Among the lines below, which ones contain the word "bronze"? Copy every such line.
---
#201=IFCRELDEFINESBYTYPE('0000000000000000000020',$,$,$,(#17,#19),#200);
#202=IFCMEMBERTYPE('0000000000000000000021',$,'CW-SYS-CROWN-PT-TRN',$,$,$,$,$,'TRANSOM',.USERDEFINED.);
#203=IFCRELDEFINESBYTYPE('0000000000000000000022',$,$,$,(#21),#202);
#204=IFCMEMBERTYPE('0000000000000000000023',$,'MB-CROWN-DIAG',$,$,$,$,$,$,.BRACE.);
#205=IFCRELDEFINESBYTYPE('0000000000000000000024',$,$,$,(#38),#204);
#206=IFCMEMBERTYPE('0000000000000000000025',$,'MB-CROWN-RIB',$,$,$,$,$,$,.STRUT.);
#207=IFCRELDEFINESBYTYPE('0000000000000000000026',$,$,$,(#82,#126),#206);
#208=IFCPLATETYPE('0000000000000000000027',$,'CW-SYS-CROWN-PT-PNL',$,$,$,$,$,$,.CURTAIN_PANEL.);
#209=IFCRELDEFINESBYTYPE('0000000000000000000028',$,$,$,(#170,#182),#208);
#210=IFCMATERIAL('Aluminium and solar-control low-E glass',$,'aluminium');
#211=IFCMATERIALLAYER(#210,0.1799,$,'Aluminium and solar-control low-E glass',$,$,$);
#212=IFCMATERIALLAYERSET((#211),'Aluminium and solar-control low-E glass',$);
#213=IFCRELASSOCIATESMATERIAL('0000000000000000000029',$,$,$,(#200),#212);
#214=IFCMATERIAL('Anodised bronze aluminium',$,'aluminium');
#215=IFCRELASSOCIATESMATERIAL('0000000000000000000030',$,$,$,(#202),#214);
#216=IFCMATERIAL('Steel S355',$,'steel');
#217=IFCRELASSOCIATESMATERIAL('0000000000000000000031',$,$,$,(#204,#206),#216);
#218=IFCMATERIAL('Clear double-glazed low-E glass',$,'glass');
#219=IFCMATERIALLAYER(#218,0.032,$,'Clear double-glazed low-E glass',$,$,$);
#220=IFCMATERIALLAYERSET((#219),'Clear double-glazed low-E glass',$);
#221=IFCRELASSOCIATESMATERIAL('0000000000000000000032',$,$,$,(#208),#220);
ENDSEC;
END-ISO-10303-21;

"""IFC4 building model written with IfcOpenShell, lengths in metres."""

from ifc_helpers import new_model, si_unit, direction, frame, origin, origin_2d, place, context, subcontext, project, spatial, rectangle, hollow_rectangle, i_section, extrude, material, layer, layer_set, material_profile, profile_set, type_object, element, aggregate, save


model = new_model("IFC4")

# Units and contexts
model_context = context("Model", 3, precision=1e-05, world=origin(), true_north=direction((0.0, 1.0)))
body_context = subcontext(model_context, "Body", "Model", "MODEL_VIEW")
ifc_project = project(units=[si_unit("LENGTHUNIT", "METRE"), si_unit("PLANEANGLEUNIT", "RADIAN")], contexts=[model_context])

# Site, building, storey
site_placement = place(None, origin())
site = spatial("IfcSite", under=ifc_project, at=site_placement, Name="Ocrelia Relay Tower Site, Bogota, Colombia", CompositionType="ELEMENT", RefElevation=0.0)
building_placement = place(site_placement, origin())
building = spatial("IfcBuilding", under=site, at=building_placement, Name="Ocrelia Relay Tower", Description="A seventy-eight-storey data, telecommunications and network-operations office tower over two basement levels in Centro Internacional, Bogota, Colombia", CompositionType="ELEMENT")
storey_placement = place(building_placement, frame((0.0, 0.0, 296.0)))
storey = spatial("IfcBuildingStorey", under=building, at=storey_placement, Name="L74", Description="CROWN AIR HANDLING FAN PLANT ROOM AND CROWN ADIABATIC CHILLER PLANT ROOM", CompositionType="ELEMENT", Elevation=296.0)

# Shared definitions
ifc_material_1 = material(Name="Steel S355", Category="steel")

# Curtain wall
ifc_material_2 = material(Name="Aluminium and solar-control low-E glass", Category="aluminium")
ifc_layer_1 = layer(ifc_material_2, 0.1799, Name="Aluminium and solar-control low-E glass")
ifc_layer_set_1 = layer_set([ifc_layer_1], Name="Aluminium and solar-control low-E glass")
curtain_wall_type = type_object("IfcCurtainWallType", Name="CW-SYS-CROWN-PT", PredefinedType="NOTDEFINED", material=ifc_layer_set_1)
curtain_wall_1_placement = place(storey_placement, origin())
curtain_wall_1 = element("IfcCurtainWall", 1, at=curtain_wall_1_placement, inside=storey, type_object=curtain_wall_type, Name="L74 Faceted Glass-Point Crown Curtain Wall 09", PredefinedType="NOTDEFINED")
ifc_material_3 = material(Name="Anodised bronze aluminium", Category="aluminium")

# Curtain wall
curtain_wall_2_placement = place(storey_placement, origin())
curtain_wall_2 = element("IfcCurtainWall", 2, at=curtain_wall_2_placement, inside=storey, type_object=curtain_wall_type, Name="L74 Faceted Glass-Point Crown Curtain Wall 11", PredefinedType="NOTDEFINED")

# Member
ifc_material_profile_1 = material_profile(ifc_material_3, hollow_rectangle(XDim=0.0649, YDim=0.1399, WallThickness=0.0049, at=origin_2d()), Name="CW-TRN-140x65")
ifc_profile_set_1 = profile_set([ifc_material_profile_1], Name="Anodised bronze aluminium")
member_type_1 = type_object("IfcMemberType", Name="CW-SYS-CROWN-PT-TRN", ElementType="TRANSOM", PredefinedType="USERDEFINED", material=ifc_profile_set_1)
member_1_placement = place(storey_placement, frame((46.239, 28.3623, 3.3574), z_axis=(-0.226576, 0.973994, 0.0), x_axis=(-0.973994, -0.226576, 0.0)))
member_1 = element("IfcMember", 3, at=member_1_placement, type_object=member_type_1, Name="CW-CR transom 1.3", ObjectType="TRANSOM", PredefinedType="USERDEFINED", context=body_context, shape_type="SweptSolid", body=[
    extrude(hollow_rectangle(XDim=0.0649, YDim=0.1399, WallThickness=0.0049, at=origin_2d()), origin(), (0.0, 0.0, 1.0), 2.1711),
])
---
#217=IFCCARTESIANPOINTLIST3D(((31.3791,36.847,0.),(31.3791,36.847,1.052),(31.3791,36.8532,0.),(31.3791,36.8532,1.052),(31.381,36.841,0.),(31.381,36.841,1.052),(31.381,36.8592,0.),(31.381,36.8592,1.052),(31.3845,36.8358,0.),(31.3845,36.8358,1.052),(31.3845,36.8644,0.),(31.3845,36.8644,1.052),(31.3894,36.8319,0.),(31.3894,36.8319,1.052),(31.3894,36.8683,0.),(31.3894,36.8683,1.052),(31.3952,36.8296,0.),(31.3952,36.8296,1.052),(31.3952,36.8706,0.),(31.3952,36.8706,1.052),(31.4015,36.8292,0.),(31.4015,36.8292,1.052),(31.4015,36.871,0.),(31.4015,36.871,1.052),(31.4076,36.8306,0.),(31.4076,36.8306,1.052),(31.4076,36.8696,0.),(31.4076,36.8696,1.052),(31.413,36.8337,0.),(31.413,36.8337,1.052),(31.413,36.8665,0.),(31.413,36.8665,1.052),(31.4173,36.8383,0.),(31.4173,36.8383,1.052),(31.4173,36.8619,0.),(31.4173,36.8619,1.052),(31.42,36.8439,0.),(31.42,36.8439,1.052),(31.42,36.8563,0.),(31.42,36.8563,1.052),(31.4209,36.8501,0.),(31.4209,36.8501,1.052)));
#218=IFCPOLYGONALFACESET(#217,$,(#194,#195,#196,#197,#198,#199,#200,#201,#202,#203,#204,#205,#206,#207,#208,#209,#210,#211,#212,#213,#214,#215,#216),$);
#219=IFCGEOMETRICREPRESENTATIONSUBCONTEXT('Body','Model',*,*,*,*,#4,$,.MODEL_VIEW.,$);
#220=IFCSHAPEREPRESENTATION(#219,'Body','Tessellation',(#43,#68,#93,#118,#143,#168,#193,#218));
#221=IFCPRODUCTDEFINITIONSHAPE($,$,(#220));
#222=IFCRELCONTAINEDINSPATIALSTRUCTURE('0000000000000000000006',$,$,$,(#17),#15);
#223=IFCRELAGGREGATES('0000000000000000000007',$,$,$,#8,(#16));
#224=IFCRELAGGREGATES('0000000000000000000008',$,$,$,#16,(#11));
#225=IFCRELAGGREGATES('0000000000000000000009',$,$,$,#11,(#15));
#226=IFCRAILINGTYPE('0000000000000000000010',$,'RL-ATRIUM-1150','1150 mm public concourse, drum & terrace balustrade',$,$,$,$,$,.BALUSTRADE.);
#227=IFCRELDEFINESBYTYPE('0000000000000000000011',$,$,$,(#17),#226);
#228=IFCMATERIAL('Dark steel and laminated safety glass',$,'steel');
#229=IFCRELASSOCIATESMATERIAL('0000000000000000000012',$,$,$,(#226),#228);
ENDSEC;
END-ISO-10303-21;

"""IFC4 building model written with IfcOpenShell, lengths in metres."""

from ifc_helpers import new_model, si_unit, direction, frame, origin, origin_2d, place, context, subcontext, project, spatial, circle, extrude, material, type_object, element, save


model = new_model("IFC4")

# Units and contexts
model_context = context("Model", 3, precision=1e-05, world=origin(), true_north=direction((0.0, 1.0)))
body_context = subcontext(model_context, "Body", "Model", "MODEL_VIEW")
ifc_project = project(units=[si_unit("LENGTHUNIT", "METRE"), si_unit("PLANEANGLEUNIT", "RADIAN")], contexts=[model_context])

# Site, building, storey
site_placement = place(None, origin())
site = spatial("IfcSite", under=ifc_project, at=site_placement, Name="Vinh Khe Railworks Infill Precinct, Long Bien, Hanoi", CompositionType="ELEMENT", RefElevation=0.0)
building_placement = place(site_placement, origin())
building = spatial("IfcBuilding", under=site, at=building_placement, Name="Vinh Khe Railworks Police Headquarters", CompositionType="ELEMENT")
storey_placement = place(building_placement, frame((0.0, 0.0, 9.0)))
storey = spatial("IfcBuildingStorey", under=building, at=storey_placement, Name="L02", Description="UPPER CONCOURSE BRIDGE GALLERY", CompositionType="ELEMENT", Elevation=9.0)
---
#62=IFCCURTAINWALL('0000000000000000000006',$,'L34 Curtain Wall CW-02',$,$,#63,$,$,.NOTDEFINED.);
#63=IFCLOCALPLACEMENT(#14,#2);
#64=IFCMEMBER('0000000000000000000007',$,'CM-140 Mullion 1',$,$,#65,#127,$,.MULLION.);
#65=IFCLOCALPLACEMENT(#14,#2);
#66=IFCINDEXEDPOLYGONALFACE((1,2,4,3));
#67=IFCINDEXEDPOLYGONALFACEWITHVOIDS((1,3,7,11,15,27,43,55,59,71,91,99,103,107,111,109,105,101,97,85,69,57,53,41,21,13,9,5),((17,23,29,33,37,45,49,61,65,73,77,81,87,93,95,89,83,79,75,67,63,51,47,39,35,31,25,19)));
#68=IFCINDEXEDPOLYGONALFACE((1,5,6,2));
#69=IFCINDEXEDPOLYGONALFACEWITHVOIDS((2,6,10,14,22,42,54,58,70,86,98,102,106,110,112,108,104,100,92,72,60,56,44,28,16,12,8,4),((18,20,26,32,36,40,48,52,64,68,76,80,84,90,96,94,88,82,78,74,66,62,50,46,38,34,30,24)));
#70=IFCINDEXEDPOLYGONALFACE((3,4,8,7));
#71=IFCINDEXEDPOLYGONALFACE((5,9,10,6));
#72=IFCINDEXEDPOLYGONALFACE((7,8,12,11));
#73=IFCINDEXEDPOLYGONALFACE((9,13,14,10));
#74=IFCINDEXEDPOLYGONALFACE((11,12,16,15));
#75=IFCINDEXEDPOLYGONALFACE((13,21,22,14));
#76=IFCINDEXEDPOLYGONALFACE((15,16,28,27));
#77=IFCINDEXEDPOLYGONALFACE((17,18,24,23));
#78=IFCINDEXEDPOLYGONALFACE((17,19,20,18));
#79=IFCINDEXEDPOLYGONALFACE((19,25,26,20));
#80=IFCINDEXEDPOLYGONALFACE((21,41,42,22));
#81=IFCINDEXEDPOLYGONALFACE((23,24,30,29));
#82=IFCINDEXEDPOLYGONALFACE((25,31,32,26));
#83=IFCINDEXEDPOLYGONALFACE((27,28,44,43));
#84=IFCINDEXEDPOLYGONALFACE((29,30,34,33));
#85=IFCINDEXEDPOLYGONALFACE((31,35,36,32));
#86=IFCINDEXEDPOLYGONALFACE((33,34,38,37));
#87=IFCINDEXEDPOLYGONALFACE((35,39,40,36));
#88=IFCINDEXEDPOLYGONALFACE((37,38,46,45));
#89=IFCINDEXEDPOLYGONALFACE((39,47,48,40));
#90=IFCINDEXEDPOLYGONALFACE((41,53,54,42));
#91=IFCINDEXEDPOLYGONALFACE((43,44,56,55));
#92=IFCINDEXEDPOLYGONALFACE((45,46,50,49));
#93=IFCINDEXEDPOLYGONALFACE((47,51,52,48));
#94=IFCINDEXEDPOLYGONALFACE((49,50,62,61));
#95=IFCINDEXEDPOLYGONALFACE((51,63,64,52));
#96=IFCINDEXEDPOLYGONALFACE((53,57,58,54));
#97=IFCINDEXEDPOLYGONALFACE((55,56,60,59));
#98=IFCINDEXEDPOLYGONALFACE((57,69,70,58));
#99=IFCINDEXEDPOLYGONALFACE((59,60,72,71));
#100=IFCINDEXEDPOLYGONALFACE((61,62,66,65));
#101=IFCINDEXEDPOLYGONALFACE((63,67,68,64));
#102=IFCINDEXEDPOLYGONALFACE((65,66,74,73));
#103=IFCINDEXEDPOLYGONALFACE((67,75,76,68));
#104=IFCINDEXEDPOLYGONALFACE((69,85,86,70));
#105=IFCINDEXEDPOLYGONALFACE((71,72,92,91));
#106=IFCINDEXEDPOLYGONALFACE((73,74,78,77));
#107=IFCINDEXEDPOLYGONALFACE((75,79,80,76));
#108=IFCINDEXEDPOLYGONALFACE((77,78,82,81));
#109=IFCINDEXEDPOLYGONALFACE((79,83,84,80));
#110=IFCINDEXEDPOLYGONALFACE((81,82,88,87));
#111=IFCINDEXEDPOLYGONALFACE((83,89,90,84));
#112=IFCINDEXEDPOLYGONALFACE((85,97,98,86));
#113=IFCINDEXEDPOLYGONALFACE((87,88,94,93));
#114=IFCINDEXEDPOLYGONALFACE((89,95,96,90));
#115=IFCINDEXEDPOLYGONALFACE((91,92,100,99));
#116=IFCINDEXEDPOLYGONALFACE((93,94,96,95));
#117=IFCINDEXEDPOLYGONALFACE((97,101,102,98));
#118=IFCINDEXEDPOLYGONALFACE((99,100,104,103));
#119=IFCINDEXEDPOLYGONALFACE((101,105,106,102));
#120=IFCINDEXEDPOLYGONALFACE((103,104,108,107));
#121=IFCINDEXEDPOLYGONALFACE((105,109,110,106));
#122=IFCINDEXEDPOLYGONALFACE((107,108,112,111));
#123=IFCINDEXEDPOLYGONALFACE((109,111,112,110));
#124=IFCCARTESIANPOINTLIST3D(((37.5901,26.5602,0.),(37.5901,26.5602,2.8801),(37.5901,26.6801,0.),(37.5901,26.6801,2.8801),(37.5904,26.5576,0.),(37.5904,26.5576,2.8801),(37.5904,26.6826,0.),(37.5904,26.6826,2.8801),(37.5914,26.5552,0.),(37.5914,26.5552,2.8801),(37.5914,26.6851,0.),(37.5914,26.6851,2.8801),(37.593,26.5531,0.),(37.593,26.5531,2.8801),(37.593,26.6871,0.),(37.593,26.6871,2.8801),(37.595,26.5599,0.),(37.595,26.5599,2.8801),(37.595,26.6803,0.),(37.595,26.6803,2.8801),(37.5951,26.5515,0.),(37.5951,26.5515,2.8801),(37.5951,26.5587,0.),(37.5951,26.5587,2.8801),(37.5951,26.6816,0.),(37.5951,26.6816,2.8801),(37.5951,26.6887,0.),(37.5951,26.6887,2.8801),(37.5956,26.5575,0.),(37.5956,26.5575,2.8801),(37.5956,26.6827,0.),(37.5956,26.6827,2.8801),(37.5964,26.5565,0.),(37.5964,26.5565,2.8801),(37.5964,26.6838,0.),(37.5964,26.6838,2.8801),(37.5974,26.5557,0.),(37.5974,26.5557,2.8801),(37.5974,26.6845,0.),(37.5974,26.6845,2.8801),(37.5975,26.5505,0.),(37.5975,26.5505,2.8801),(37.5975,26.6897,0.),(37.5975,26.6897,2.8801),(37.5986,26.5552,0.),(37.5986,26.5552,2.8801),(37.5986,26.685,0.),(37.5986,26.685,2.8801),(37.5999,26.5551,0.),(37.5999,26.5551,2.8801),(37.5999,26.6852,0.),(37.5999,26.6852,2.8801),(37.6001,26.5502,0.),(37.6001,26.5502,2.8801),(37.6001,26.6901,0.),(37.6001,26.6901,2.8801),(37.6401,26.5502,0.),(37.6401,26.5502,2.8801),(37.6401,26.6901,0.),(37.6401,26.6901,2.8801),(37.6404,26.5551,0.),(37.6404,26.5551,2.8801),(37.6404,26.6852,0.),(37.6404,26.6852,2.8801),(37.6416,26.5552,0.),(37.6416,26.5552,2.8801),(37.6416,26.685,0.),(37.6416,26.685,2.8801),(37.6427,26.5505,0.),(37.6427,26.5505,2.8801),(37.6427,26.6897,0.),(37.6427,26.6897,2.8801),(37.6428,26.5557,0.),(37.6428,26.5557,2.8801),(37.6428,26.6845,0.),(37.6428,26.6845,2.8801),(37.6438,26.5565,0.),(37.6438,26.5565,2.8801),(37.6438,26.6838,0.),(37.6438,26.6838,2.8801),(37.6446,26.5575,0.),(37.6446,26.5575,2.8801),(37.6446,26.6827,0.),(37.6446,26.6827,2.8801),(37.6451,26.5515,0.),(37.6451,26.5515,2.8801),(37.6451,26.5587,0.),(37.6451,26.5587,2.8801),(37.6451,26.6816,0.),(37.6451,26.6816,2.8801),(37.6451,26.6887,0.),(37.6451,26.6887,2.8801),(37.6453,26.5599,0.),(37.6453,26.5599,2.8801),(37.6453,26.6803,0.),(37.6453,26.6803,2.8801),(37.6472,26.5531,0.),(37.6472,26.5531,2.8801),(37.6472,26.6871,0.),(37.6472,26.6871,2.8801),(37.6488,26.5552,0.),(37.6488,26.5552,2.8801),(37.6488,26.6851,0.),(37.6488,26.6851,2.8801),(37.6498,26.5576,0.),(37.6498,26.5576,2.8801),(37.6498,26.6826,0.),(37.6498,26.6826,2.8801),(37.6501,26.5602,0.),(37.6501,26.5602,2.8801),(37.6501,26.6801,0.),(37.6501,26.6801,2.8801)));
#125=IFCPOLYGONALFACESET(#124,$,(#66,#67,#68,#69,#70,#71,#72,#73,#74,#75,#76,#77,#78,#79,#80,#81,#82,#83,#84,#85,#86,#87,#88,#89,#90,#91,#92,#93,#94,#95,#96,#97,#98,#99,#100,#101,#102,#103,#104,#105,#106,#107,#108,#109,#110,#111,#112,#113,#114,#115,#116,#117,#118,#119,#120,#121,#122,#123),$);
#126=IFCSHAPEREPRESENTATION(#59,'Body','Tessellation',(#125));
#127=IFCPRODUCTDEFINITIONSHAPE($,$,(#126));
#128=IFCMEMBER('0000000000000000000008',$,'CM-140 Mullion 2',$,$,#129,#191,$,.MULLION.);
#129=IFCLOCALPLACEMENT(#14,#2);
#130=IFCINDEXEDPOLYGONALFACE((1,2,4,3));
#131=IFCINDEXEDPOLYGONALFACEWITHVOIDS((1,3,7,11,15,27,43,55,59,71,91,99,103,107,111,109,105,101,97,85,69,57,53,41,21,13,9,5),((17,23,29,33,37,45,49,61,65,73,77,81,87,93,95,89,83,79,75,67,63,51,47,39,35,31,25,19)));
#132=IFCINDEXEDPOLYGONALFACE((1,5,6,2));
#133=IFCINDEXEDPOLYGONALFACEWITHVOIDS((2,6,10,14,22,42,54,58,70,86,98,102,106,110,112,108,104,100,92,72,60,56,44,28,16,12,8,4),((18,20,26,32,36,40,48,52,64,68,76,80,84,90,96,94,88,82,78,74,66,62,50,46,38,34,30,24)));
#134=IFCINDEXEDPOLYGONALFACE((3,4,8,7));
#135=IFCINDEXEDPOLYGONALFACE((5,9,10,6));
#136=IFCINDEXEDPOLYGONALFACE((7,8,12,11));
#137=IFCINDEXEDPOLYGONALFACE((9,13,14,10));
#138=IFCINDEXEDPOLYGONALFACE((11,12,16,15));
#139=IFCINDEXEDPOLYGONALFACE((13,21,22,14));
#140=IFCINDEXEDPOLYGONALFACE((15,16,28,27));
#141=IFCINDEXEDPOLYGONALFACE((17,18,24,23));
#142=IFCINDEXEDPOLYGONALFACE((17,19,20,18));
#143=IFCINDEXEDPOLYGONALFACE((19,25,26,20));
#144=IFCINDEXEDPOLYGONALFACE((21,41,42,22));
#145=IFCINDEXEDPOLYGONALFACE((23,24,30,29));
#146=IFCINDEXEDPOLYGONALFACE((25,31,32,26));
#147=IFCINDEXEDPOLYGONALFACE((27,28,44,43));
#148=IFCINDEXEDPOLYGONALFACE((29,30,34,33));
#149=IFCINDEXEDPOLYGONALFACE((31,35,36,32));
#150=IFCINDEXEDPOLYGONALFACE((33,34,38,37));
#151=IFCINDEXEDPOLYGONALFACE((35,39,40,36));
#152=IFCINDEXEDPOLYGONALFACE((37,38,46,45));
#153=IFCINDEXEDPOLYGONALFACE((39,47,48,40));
---
Task result:
#214=IFCMATERIAL('Anodised bronze aluminium',$,'aluminium');
ifc_material_3 = material(Name="Anodised bronze aluminium", Category="aluminium")
ifc_profile_set_1 = profile_set([ifc_material_profile_1], Name="Anodised bronze aluminium")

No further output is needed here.